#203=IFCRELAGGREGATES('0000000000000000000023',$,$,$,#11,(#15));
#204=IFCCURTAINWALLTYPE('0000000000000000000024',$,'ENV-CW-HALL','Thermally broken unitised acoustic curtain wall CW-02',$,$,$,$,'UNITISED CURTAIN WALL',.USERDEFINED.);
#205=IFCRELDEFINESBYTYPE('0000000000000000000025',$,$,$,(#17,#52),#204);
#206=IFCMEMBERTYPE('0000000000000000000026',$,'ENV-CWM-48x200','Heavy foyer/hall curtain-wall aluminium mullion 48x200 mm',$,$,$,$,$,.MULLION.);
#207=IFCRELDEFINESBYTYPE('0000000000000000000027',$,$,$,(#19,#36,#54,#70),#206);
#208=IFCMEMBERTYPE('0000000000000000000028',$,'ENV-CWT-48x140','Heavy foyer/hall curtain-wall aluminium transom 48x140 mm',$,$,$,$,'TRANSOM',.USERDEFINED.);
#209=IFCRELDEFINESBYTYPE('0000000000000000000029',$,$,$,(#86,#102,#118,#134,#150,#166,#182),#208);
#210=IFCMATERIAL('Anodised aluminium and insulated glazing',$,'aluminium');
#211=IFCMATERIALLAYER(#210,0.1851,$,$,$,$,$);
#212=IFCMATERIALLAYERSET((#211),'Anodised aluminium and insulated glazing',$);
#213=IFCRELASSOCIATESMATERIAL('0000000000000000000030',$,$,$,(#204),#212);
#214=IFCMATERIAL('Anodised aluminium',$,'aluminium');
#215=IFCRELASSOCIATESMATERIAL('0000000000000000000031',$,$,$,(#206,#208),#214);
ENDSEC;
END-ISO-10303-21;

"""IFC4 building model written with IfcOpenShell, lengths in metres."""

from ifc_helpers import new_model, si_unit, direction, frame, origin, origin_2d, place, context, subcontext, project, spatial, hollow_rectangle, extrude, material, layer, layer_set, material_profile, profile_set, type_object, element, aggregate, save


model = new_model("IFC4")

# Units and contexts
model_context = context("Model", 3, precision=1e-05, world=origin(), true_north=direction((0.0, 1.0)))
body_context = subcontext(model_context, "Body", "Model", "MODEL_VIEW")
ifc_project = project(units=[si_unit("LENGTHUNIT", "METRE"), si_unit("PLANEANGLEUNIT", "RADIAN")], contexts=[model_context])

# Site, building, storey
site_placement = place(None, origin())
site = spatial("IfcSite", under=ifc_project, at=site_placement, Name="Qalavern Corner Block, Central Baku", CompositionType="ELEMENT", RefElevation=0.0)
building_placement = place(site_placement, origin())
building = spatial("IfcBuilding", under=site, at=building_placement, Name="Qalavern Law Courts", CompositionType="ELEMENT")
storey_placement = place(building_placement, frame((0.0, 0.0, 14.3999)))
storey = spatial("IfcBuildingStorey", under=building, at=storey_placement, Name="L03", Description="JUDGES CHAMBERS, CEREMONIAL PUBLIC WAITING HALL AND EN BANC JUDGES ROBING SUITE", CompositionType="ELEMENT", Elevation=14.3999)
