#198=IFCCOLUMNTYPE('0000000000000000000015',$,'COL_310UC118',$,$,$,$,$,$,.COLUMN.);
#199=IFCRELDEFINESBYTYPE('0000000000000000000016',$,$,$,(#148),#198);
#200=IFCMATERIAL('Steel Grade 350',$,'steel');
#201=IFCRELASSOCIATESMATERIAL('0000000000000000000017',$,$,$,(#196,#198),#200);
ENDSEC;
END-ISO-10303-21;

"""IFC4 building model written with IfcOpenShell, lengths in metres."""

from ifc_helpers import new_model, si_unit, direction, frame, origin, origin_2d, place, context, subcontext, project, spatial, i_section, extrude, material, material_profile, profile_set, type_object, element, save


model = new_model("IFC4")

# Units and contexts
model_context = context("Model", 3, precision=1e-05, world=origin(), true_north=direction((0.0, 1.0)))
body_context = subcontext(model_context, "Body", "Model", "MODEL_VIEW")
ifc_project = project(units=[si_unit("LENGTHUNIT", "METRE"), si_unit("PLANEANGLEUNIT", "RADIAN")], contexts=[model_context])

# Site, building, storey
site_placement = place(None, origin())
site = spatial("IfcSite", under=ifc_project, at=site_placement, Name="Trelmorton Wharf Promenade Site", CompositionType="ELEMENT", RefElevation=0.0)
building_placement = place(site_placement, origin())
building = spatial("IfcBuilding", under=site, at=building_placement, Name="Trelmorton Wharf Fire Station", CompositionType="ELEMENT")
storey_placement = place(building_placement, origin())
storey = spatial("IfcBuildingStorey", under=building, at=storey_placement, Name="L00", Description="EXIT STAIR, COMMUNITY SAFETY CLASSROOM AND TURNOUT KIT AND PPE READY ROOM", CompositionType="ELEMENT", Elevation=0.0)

* * *

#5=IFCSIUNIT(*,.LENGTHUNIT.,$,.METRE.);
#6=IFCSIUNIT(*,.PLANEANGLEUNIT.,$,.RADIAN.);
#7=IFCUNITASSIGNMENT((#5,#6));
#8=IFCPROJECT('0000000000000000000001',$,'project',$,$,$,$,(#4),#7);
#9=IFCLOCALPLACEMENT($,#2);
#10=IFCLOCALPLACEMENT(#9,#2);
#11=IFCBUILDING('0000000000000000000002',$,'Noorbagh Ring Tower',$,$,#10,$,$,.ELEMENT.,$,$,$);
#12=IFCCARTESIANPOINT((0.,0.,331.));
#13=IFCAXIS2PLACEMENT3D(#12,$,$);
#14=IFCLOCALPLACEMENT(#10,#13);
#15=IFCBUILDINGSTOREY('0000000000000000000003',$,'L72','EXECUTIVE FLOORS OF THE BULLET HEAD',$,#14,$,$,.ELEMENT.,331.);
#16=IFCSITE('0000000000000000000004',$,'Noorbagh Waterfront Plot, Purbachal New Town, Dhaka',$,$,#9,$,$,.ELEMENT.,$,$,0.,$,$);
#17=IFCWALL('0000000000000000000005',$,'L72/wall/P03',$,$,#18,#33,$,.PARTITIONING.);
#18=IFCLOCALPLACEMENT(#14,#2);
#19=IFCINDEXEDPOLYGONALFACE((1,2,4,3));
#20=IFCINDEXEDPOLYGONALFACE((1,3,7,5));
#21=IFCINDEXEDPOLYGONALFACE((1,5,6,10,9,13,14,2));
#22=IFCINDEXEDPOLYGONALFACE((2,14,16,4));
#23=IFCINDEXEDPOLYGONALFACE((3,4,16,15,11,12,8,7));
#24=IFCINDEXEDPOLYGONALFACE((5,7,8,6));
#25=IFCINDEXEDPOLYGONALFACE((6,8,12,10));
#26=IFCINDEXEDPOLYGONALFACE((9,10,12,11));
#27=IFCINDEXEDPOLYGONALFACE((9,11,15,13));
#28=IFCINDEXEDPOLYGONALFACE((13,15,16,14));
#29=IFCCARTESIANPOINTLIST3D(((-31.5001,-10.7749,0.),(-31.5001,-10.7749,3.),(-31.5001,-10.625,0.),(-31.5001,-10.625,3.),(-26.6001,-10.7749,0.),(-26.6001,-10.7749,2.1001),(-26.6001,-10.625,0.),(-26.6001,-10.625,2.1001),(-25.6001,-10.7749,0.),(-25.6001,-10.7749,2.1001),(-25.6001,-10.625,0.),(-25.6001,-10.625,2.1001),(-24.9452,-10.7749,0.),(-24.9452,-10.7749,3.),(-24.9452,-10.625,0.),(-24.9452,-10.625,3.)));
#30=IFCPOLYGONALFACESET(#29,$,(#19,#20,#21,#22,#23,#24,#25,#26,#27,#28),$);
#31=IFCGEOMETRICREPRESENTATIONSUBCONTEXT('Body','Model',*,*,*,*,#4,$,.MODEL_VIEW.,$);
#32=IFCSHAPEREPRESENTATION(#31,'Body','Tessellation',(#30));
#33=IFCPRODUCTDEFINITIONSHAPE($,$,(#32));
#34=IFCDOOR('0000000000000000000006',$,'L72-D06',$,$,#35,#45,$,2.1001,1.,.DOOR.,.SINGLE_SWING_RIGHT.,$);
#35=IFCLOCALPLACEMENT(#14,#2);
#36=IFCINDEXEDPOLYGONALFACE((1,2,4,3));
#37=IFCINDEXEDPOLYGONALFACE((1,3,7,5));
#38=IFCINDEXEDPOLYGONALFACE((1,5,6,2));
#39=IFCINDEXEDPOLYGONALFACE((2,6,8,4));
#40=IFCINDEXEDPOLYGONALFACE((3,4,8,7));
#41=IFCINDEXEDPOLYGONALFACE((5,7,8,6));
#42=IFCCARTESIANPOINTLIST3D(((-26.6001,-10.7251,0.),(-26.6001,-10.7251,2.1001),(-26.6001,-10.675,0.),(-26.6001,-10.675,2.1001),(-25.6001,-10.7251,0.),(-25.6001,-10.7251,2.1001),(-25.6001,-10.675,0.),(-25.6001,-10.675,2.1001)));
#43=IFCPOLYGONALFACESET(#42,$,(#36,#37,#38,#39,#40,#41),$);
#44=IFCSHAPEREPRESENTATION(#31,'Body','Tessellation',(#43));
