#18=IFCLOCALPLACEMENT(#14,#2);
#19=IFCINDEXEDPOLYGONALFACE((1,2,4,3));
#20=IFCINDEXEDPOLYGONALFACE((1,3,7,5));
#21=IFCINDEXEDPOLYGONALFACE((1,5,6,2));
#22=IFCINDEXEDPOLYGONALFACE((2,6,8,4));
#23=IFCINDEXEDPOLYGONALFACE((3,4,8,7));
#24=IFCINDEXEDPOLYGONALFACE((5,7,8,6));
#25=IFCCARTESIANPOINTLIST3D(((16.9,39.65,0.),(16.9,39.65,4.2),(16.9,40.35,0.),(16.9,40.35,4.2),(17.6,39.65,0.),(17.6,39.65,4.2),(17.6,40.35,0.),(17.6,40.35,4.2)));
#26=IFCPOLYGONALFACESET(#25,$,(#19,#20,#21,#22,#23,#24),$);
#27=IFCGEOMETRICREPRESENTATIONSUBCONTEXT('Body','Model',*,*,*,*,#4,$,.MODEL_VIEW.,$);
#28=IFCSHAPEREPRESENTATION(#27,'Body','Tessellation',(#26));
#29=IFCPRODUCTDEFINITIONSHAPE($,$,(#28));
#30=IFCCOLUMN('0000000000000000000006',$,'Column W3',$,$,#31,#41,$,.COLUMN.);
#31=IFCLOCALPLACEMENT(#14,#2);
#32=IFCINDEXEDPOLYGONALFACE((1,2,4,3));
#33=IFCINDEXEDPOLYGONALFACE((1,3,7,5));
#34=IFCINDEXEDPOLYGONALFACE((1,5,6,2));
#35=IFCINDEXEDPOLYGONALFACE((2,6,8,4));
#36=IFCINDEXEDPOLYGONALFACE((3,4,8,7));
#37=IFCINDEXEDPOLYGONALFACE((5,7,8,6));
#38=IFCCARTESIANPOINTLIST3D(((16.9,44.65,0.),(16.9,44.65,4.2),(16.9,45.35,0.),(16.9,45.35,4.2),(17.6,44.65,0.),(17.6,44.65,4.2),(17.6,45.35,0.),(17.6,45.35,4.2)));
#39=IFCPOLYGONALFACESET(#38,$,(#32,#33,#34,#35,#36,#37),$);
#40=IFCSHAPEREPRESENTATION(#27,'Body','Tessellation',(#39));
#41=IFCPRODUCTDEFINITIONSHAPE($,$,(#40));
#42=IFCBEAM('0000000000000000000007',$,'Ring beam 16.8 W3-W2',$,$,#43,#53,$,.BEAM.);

▶ _What you should do_
Of all the entries above, output exactly the lines between the one holding "#36=IFCINDEXEDPOLYGONALFACE((1,2,4,3));" and the one holding "#42=IFCBEAM('0000000000000000000007',$,'Ring beam 16.8", inclusive.

▶ _Result for this task_
#36=IFCINDEXEDPOLYGONALFACE((1,2,4,3));
#37=IFCINDEXEDPOLYGONALFACE((1,3,7,5));
#38=IFCINDEXEDPOLYGONALFACE((1,5,6,2));
#39=IFCINDEXEDPOLYGONALFACE((2,6,8,4));
#40=IFCINDEXEDPOLYGONALFACE((3,4,8,7));
#41=IFCINDEXEDPOLYGONALFACE((5,7,8,6));
#42=IFCCARTESIANPOINTLIST3D(((-26.6001,-10.7251,0.),(-26.6001,-10.7251,2.1001),(-26.6001,-10.675,0.),(-26.6001,-10.675,2.1001),(-25.6001,-10.7251,0.),(-25.6001,-10.7251,2.1001),(-25.6001,-10.675,0.),(-25.6001,-10.675,2.1001)));
#43=IFCPOLYGONALFACESET(#42,$,(#36,#37,#38,#39,#40,#41),$);
#44=IFCSHAPEREPRESENTATION(#31,'Body','Tessellation',(#43));
#18=IFCLOCALPLACEMENT(#14,#2);
#19=IFCINDEXEDPOLYGONALFACE((1,2,4,3));
#20=IFCINDEXEDPOLYGONALFACE((1,3,7,5));
#21=IFCINDEXEDPOLYGONALFACE((1,5,6,2));
#22=IFCINDEXEDPOLYGONALFACE((2,6,8,4));
#23=IFCINDEXEDPOLYGONALFACE((3,4,8,7));
#24=IFCINDEXEDPOLYGONALFACE((5,7,8,6));
#25=IFCCARTESIANPOINTLIST3D(((16.9,39.65,0.),(16.9,39.65,4.2),(16.9,40.35,0.),(16.9,40.35,4.2),(17.6,39.65,0.),(17.6,39.65,4.2),(17.6,40.35,0.),(17.6,40.35,4.2)));
#26=IFCPOLYGONALFACESET(#25,$,(#19,#20,#21,#22,#23,#24),$);
#27=IFCGEOMETRICREPRESENTATIONSUBCONTEXT('Body','Model',*,*,*,*,#4,$,.MODEL_VIEW.,$);
#28=IFCSHAPEREPRESENTATION(#27,'Body','Tessellation',(#26));
#29=IFCPRODUCTDEFINITIONSHAPE($,$,(#28));
#30=IFCCOLUMN('0000000000000000000006',$,'Column W3',$,$,#31,#41,$,.COLUMN.);
#31=IFCLOCALPLACEMENT(#14,#2);
#32=IFCINDEXEDPOLYGONALFACE((1,2,4,3));
#33=IFCINDEXEDPOLYGONALFACE((1,3,7,5));
#34=IFCINDEXEDPOLYGONALFACE((1,5,6,2));
#35=IFCINDEXEDPOLYGONALFACE((2,6,8,4));
#36=IFCINDEXEDPOLYGONALFACE((3,4,8,7));
#37=IFCINDEXEDPOLYGONALFACE((5,7,8,6));
#38=IFCCARTESIANPOINTLIST3D(((16.9,44.65,0.),(16.9,44.65,4.2),(16.9,45.35,0.),(16.9,45.35,4.2),(17.6,44.65,0.),(17.6,44.65,4.2),(17.6,45.35,0.),(17.6,45.35,4.2)));
#39=IFCPOLYGONALFACESET(#38,$,(#32,#33,#34,#35,#36,#37),$);
#40=IFCSHAPEREPRESENTATION(#27,'Body','Tessellation',(#39));
#41=IFCPRODUCTDEFINITIONSHAPE($,$,(#40));
#42=IFCBEAM('0000000000000000000007',$,'Ring beam 16.8 W3-W2',$,$,#43,#53,$,.BEAM.);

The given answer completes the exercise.